The problem:
The result should be every line of the listing that holds the word "IFCLOCALPLACEMENT".

—————

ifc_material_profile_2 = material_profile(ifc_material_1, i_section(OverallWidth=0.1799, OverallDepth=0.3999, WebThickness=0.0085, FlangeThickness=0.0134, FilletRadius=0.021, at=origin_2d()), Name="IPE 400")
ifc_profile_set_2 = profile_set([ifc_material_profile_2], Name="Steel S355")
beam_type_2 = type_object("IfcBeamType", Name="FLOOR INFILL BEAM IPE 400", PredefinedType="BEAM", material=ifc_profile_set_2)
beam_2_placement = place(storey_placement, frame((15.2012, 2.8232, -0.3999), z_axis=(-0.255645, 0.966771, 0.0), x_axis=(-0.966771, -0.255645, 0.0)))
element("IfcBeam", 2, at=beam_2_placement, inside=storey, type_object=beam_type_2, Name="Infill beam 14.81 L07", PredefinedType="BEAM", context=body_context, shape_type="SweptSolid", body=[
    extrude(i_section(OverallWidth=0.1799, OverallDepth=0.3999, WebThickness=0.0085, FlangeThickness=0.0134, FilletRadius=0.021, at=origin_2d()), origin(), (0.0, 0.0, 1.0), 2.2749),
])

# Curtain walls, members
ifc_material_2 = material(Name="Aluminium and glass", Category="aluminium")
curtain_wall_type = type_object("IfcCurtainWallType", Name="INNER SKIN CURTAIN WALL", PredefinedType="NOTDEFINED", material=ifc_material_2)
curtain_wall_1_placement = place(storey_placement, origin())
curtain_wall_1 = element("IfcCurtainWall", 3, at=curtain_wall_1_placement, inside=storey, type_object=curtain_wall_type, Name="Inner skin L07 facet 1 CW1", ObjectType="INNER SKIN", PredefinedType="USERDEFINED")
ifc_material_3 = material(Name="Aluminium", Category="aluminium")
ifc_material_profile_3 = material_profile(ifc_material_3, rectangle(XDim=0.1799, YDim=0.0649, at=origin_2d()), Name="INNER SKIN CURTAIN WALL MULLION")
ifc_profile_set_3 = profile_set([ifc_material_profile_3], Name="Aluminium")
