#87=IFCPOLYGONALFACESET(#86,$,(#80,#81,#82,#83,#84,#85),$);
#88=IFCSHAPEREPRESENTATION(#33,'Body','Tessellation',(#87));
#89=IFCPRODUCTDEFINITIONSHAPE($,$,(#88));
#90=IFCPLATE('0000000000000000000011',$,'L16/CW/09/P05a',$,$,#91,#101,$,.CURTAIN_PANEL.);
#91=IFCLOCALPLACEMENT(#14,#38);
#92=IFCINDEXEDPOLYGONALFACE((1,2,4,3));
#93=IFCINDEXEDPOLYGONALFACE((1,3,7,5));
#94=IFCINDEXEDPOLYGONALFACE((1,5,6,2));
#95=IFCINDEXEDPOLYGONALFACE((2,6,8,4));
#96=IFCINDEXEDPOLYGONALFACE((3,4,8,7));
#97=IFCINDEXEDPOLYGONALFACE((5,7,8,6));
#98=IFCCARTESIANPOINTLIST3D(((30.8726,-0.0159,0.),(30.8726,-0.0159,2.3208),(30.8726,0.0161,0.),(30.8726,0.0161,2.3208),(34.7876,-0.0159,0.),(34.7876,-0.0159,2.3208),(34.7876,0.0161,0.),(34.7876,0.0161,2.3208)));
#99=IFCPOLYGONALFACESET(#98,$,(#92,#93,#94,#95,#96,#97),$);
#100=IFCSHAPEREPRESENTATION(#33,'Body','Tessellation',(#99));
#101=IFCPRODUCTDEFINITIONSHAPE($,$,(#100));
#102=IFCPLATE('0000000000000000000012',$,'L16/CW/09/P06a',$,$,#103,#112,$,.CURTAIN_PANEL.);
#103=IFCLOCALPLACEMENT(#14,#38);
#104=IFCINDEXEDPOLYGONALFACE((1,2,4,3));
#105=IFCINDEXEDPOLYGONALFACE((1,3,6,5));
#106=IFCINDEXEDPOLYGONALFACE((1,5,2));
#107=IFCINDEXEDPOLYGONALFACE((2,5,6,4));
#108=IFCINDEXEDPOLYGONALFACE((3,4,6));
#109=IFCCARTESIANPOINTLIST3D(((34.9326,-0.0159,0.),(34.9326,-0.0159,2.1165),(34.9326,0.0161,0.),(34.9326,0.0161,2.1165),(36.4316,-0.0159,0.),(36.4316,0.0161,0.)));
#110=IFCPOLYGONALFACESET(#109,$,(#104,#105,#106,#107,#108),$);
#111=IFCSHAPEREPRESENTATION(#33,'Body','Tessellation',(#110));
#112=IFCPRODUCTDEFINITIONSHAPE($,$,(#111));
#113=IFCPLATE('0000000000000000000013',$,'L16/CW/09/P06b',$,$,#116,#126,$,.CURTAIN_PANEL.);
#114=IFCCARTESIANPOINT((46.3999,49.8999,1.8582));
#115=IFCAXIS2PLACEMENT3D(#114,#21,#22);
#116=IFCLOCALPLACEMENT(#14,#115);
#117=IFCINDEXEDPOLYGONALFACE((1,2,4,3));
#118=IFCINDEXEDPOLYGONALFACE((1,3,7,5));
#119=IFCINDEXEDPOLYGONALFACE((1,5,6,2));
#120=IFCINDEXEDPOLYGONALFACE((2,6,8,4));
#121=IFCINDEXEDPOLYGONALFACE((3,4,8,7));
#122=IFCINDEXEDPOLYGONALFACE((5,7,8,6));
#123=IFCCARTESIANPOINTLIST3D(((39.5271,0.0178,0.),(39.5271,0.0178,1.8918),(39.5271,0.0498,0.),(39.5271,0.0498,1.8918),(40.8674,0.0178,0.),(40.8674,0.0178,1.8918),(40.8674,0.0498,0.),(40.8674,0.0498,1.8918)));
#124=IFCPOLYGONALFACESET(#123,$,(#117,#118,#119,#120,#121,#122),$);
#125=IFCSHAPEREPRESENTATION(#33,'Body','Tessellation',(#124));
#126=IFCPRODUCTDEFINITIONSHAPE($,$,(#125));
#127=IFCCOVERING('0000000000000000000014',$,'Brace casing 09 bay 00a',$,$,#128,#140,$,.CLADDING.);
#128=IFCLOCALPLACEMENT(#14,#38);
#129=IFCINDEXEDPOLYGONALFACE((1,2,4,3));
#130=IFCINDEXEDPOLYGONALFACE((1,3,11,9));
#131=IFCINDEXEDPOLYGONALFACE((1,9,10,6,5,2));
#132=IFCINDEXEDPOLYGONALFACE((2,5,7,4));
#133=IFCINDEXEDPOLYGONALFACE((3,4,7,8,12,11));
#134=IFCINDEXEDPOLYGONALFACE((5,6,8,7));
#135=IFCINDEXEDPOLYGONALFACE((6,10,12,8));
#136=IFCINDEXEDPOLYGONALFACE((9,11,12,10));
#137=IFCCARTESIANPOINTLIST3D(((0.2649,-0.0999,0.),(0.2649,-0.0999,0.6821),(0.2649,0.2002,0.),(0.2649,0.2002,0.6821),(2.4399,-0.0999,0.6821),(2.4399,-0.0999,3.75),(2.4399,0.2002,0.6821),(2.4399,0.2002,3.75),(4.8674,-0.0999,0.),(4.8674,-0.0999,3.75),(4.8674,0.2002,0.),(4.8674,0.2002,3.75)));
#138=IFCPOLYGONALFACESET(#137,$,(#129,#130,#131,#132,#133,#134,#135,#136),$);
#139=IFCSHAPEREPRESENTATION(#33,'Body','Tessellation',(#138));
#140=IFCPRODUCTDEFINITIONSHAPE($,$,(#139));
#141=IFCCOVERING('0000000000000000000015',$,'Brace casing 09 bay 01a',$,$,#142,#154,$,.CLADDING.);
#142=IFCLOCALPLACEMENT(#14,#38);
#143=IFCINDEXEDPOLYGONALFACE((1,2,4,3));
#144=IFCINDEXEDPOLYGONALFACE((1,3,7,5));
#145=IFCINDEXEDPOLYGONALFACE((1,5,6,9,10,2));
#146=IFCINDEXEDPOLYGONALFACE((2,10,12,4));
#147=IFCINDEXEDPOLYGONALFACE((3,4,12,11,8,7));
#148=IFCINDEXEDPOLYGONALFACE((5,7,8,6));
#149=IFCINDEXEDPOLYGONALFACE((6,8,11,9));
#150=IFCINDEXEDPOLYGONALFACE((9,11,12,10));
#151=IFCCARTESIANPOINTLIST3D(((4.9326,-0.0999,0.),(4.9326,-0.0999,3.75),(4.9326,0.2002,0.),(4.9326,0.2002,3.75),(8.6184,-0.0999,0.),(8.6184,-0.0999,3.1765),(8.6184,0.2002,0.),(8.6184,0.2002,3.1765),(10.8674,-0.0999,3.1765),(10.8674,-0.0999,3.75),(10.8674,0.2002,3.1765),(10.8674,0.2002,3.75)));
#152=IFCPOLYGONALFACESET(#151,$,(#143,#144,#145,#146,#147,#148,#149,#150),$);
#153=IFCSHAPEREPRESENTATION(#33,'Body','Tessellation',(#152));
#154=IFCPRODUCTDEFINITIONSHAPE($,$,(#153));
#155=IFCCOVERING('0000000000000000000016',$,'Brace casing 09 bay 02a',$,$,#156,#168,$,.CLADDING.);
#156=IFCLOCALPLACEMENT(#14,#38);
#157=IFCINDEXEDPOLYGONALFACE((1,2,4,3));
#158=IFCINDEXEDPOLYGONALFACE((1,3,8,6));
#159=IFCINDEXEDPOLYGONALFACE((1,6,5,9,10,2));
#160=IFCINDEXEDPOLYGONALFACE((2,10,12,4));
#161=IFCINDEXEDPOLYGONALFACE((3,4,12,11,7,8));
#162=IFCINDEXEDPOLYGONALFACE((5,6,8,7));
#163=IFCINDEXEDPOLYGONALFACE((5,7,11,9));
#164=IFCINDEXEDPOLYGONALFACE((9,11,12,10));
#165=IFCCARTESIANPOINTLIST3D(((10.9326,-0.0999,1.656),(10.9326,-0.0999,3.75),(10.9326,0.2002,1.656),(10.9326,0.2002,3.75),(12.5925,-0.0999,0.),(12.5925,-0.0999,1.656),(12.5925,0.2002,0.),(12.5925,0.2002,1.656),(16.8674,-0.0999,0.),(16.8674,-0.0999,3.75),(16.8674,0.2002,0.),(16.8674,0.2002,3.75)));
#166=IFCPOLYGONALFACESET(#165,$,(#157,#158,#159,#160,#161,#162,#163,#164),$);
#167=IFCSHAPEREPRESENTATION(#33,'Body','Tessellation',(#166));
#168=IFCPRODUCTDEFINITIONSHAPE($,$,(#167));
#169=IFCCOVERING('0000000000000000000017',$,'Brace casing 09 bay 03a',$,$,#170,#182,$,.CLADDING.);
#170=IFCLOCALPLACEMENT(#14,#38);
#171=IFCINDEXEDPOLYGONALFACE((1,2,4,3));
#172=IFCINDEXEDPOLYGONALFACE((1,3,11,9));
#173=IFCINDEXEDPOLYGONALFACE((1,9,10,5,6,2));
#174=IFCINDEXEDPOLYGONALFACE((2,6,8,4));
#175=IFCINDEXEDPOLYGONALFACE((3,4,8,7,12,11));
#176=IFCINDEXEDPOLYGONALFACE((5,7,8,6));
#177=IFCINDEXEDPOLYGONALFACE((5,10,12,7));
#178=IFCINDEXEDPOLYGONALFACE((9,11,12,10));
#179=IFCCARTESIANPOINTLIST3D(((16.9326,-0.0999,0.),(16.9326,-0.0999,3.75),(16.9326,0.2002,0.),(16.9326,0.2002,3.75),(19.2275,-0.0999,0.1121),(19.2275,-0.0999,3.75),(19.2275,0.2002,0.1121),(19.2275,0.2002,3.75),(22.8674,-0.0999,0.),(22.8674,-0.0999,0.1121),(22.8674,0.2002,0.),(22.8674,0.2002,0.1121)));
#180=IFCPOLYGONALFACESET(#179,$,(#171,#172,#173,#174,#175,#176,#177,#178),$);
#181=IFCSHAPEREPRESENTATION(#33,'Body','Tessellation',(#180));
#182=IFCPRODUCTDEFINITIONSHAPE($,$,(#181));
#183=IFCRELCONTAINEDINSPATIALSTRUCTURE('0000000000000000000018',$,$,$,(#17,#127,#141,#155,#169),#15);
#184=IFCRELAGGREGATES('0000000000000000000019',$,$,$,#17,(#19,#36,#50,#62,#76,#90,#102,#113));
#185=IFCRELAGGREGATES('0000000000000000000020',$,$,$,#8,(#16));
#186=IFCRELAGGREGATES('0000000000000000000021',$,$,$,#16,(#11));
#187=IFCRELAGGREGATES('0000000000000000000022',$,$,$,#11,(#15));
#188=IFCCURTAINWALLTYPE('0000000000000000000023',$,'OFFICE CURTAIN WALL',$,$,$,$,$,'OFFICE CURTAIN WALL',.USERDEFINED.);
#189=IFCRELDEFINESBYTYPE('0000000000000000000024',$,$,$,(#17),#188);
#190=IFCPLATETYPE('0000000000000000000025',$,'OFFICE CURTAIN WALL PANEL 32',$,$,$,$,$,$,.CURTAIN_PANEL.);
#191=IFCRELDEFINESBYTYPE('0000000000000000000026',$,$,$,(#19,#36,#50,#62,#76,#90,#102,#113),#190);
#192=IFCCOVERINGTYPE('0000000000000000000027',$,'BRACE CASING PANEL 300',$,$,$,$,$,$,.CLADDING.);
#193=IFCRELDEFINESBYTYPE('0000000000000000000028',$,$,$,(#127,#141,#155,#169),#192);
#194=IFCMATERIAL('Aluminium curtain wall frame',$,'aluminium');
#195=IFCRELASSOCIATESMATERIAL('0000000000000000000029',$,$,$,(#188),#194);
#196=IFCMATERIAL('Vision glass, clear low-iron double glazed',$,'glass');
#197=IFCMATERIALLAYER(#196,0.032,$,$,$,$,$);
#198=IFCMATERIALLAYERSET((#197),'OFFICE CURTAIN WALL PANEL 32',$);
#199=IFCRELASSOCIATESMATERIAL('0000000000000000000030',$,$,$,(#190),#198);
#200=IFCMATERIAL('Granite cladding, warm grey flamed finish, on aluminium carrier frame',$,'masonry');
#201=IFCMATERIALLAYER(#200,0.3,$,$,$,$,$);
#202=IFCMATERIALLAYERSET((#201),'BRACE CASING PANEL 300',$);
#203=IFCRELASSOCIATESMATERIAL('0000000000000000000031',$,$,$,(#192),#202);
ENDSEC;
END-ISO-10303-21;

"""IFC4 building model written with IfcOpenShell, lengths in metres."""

—————

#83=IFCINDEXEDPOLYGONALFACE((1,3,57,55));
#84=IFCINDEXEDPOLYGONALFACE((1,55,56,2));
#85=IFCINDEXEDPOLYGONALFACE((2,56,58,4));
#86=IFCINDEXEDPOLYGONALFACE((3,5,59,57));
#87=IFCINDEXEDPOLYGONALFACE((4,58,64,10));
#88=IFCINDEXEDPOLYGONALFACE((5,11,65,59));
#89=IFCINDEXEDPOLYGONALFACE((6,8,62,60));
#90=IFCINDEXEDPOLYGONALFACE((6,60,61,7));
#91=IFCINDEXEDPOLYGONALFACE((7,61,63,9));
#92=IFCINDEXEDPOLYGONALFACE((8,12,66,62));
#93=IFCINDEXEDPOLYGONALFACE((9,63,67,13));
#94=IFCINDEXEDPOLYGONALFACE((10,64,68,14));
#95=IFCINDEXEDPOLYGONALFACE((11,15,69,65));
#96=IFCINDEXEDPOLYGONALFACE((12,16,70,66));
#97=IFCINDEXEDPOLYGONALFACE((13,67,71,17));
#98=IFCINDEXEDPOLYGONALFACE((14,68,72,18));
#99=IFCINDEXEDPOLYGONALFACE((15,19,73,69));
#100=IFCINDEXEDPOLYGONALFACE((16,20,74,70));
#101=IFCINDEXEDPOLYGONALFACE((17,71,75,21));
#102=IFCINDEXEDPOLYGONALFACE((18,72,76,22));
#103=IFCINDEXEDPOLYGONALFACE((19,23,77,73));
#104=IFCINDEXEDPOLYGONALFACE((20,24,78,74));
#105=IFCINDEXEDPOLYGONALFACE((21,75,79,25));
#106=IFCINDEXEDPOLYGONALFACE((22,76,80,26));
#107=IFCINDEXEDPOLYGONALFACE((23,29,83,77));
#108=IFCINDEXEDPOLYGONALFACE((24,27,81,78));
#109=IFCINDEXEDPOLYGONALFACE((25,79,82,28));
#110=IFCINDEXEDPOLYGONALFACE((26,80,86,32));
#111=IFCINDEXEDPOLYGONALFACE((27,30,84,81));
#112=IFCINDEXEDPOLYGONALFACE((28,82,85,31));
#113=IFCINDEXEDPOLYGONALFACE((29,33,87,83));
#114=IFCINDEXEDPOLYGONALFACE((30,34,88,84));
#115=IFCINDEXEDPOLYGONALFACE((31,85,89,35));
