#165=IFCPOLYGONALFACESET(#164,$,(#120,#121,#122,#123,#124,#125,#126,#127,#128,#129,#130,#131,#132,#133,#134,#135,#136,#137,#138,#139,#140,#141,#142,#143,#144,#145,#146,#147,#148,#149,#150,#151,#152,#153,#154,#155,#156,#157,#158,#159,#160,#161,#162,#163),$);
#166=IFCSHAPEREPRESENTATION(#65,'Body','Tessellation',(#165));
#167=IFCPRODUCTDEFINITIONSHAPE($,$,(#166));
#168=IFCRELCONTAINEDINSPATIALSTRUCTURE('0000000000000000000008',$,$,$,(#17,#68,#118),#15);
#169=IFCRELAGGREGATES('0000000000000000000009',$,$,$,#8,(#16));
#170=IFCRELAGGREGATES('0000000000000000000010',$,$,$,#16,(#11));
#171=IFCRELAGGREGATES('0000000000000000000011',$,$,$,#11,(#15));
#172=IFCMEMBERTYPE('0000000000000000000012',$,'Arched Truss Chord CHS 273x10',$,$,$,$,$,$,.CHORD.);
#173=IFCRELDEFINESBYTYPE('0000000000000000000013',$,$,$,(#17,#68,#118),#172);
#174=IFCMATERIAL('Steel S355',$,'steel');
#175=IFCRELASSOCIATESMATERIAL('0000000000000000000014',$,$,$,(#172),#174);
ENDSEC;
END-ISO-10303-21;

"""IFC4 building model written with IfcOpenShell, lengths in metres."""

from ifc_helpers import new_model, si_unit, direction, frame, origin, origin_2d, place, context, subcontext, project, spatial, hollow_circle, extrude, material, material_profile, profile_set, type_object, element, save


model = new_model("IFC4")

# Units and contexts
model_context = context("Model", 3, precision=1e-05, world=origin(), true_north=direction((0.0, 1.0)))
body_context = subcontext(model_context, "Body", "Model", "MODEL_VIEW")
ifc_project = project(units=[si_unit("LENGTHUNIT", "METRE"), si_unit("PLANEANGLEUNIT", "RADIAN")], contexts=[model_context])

—————

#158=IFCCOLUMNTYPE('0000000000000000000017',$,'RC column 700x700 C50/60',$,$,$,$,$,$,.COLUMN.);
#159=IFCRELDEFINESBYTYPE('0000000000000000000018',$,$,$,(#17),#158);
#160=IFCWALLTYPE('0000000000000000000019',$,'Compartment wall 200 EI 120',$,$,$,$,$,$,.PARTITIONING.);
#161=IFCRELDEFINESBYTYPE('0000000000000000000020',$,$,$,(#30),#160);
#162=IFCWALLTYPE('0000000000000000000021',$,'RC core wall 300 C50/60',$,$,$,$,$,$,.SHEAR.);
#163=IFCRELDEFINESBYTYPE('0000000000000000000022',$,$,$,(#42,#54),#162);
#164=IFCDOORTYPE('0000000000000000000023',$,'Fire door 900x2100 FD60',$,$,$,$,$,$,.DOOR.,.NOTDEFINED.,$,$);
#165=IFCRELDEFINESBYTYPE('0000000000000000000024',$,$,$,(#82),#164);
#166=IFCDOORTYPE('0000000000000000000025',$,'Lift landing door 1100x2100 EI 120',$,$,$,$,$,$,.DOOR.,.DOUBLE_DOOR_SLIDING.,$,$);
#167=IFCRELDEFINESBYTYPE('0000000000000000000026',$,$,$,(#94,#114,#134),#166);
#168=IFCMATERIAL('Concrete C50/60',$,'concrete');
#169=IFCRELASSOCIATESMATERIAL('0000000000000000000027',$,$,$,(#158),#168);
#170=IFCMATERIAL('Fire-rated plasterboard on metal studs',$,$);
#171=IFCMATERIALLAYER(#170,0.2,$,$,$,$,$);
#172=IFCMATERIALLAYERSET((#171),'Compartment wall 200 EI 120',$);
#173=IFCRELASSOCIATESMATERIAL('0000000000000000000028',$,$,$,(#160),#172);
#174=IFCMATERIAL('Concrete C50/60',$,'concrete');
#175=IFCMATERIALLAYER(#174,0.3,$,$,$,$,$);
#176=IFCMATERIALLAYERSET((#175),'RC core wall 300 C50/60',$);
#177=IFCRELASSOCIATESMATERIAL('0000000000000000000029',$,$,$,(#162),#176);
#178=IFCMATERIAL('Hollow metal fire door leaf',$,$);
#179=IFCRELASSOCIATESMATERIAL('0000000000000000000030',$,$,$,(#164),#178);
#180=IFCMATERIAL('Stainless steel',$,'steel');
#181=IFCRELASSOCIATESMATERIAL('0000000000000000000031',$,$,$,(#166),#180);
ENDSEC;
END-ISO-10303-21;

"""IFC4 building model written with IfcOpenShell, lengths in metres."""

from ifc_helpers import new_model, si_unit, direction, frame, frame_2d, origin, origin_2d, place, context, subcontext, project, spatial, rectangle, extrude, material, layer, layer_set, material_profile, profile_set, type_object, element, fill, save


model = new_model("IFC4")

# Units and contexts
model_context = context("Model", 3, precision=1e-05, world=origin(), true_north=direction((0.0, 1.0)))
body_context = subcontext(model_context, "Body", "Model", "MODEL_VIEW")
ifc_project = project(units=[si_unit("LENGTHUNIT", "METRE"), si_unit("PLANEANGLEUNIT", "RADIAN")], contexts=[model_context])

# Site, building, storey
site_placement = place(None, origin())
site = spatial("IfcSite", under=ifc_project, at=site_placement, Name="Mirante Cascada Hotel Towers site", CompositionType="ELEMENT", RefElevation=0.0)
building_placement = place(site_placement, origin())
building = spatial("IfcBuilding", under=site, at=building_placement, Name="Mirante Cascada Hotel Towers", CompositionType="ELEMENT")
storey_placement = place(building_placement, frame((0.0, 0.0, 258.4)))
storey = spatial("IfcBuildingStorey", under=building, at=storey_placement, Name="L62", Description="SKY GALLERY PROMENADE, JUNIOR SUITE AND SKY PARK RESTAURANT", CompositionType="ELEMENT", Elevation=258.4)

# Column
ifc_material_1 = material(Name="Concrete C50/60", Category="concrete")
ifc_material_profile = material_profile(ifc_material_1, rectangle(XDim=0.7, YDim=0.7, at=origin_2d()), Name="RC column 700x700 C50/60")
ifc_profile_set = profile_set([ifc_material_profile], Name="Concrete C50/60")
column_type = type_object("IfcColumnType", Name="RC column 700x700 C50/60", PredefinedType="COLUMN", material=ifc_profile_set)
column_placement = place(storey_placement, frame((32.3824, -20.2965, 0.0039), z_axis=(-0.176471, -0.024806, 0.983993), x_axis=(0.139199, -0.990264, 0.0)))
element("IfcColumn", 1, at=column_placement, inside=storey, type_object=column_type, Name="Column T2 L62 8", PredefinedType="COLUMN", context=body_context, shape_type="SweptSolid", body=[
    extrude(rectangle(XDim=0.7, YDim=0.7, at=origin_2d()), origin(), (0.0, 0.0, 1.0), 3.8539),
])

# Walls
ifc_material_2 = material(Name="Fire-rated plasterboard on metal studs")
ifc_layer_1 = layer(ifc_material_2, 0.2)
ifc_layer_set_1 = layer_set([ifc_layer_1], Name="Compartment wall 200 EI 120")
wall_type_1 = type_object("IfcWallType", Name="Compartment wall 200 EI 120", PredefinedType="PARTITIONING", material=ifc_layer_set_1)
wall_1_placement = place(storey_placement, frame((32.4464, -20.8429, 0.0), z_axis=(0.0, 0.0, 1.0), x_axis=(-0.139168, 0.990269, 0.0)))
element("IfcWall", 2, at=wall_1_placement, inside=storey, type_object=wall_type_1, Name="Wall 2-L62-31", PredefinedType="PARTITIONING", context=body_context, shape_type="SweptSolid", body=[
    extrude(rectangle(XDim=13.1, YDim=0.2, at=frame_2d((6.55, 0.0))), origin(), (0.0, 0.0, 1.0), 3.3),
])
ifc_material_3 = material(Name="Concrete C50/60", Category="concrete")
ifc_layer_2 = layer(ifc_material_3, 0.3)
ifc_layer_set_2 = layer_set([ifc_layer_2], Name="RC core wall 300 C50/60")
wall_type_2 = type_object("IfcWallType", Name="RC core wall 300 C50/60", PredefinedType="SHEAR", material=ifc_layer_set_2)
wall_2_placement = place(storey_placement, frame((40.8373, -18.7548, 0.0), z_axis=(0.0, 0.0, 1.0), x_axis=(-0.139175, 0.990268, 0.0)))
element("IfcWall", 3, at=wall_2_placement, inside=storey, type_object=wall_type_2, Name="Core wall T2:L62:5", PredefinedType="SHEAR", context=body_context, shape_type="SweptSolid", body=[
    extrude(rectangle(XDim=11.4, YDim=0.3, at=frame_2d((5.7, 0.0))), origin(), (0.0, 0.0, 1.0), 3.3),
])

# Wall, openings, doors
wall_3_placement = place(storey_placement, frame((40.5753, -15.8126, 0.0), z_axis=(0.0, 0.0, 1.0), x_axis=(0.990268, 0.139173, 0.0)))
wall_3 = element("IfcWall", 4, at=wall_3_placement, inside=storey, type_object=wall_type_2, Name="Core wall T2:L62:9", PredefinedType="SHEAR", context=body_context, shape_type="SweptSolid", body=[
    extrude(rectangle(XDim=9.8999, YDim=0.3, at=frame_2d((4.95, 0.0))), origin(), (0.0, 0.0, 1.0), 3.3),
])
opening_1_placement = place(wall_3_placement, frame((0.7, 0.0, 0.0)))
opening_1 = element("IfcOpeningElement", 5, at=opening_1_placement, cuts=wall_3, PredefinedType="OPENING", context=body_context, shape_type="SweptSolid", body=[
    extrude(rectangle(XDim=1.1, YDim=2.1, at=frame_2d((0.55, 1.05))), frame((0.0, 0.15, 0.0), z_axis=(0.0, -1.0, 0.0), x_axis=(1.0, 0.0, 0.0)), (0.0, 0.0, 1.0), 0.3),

—————

Solution:
#91=IFCLOCALPLACEMENT(#14,#38);
#103=IFCLOCALPLACEMENT(#14,#38);
#116=IFCLOCALPLACEMENT(#14,#115);
#128=IFCLOCALPLACEMENT(#14,#38);
#142=IFCLOCALPLACEMENT(#14,#38);
#156=IFCLOCALPLACEMENT(#14,#38);
#170=IFCLOCALPLACEMENT(#14,#38);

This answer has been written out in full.